- **Task details**:
Retyping the data exactly is the task. Include every line.

Dataset entries:
-------
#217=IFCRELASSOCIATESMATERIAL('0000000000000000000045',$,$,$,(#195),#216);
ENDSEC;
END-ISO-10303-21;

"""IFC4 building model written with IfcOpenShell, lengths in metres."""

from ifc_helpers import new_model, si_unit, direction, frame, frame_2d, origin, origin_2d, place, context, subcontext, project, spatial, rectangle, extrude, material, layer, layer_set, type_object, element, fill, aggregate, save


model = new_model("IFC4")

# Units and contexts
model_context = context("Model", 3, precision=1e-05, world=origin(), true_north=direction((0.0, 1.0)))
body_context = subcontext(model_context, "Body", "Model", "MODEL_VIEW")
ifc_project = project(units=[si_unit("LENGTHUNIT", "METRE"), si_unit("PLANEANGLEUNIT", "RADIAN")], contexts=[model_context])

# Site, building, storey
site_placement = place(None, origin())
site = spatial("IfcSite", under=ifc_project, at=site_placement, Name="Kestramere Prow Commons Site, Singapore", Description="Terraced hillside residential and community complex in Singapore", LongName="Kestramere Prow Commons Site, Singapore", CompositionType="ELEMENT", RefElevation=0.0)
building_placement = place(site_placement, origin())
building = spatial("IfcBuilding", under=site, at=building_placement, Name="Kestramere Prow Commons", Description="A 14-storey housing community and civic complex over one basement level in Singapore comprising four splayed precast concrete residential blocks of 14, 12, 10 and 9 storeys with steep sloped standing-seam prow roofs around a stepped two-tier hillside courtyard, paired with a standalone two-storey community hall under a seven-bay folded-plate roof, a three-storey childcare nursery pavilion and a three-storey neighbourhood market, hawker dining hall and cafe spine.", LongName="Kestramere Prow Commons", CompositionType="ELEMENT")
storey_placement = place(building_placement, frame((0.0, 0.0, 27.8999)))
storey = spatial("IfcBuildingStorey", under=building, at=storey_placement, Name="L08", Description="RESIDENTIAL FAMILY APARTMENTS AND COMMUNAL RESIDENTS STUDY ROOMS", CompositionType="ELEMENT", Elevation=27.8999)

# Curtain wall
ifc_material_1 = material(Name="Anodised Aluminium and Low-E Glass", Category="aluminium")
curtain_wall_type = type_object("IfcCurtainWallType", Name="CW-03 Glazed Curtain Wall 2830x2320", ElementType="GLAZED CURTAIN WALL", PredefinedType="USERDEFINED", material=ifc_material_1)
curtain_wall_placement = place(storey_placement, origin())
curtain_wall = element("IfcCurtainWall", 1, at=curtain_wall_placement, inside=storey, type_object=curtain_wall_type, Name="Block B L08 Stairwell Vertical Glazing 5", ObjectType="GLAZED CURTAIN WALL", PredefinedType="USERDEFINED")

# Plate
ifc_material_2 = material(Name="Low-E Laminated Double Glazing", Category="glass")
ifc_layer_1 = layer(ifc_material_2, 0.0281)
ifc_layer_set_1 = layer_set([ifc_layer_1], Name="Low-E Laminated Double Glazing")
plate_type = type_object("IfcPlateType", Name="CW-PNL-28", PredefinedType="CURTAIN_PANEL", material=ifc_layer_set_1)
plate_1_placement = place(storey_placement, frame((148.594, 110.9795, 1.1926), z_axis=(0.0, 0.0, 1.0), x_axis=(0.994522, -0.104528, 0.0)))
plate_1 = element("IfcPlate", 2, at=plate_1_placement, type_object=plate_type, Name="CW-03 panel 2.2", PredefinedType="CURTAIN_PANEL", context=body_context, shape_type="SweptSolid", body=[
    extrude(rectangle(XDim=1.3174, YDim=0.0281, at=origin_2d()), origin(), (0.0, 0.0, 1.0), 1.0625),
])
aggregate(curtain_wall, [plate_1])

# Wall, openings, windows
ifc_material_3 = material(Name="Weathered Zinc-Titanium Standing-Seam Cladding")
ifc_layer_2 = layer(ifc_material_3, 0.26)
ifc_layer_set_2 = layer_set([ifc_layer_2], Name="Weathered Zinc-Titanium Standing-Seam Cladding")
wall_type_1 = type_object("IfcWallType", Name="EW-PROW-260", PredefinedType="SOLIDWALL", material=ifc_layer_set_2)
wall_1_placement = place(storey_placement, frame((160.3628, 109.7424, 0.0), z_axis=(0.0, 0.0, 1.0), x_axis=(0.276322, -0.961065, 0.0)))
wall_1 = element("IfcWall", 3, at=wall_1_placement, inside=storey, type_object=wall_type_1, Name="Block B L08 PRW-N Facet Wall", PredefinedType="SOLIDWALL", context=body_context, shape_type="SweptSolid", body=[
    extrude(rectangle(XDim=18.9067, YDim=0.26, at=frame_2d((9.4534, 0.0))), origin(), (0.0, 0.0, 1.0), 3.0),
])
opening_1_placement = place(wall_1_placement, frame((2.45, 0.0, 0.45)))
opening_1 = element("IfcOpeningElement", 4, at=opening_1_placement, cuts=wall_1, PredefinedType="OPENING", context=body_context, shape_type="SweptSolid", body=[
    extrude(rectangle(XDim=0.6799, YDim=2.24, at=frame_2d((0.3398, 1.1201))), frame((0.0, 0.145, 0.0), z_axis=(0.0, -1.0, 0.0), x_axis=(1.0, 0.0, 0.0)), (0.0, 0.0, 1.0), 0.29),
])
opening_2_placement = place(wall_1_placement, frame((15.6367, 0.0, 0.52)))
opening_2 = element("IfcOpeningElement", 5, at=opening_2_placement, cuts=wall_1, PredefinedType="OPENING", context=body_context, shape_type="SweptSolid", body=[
-------
- **Task solution**:
#217=IFCRELASSOCIATESMATERIAL('0000000000000000000045',$,$,$,(#195),#216);
ENDSEC;
END-ISO-10303-21;

"""IFC4 building model written with IfcOpenShell, lengths in metres."""

from ifc_helpers import new_model, si_unit, direction, frame, frame_2d, origin, origin_2d, place, context, subcontext, project, spatial, rectangle, extrude, material, layer, layer_set, type_object, element, fill, aggregate, save


model = new_model("IFC4")

# Units and contexts
model_context = context("Model", 3, precision=1e-05, world=origin(), true_north=direction((0.0, 1.0)))
body_context = subcontext(model_context, "Body", "Model", "MODEL_VIEW")
ifc_project = project(units=[si_unit("LENGTHUNIT", "METRE"), si_unit("PLANEANGLEUNIT", "RADIAN")], contexts=[model_context])

# Site, building, storey
site_placement = place(None, origin())
site = spatial("IfcSite", under=ifc_project, at=site_placement, Name="Kestramere Prow Commons Site, Singapore", Description="Terraced hillside residential and community complex in Singapore", LongName="Kestramere Prow Commons Site, Singapore", CompositionType="ELEMENT", RefElevation=0.0)
building_placement = place(site_placement, origin())
building = spatial("IfcBuilding", under=site, at=building_placement, Name="Kestramere Prow Commons", Description="A 14-storey housing community and civic complex over one basement level in Singapore comprising four splayed precast concrete residential blocks of 14, 12, 10 and 9 storeys with steep sloped standing-seam prow roofs around a stepped two-tier hillside courtyard, paired with a standalone two-storey community hall under a seven-bay folded-plate roof, a three-storey childcare nursery pavilion and a three-storey neighbourhood market, hawker dining hall and cafe spine.", LongName="Kestramere Prow Commons", CompositionType="ELEMENT")
storey_placement = place(building_placement, frame((0.0, 0.0, 27.8999)))
storey = spatial("IfcBuildingStorey", under=building, at=storey_placement, Name="L08", Description="RESIDENTIAL FAMILY APARTMENTS AND COMMUNAL RESIDENTS STUDY ROOMS", CompositionType="ELEMENT", Elevation=27.8999)

# Curtain wall
ifc_material_1 = material(Name="Anodised Aluminium and Low-E Glass", Category="aluminium")
curtain_wall_type = type_object("IfcCurtainWallType", Name="CW-03 Glazed Curtain Wall 2830x2320", ElementType="GLAZED CURTAIN WALL", PredefinedType="USERDEFINED", material=ifc_material_1)
curtain_wall_placement = place(storey_placement, origin())
curtain_wall = element("IfcCurtainWall", 1, at=curtain_wall_placement, inside=storey, type_object=curtain_wall_type, Name="Block B L08 Stairwell Vertical Glazing 5", ObjectType="GLAZED CURTAIN WALL", PredefinedType="USERDEFINED")

# Plate
ifc_material_2 = material(Name="Low-E Laminated Double Glazing", Category="glass")
ifc_layer_1 = layer(ifc_material_2, 0.0281)
ifc_layer_set_1 = layer_set([ifc_layer_1], Name="Low-E Laminated Double Glazing")
plate_type = type_object("IfcPlateType", Name="CW-PNL-28", PredefinedType="CURTAIN_PANEL", material=ifc_layer_set_1)
plate_1_placement = place(storey_placement, frame((148.594, 110.9795, 1.1926), z_axis=(0.0, 0.0, 1.0), x_axis=(0.994522, -0.104528, 0.0)))
plate_1 = element("IfcPlate", 2, at=plate_1_placement, type_object=plate_type, Name="CW-03 panel 2.2", PredefinedType="CURTAIN_PANEL", context=body_context, shape_type="SweptSolid", body=[
    extrude(rectangle(XDim=1.3174, YDim=0.0281, at=origin_2d()), origin(), (0.0, 0.0, 1.0), 1.0625),
])
aggregate(curtain_wall, [plate_1])

# Wall, openings, windows
ifc_material_3 = material(Name="Weathered Zinc-Titanium Standing-Seam Cladding")
ifc_layer_2 = layer(ifc_material_3, 0.26)
ifc_layer_set_2 = layer_set([ifc_layer_2], Name="Weathered Zinc-Titanium Standing-Seam Cladding")
wall_type_1 = type_object("IfcWallType", Name="EW-PROW-260", PredefinedType="SOLIDWALL", material=ifc_layer_set_2)
wall_1_placement = place(storey_placement, frame((160.3628, 109.7424, 0.0), z_axis=(0.0, 0.0, 1.0), x_axis=(0.276322, -0.961065, 0.0)))
wall_1 = element("IfcWall", 3, at=wall_1_placement, inside=storey, type_object=wall_type_1, Name="Block B L08 PRW-N Facet Wall", PredefinedType="SOLIDWALL", context=body_context, shape_type="SweptSolid", body=[
    extrude(rectangle(XDim=18.9067, YDim=0.26, at=frame_2d((9.4534, 0.0))), origin(), (0.0, 0.0, 1.0), 3.0),
])
opening_1_placement = place(wall_1_placement, frame((2.45, 0.0, 0.45)))
opening_1 = element("IfcOpeningElement", 4, at=opening_1_placement, cuts=wall_1, PredefinedType="OPENING", context=body_context, shape_type="SweptSolid", body=[
    extrude(rectangle(XDim=0.6799, YDim=2.24, at=frame_2d((0.3398, 1.1201))), frame((0.0, 0.145, 0.0), z_axis=(0.0, -1.0, 0.0), x_axis=(1.0, 0.0, 0.0)), (0.0, 0.0, 1.0), 0.29),
])
opening_2_placement = place(wall_1_placement, frame((15.6367, 0.0, 0.52)))
opening_2 = element("IfcOpeningElement", 5, at=opening_2_placement, cuts=wall_1, PredefinedType="OPENING", context=body_context, shape_type="SweptSolid", body=[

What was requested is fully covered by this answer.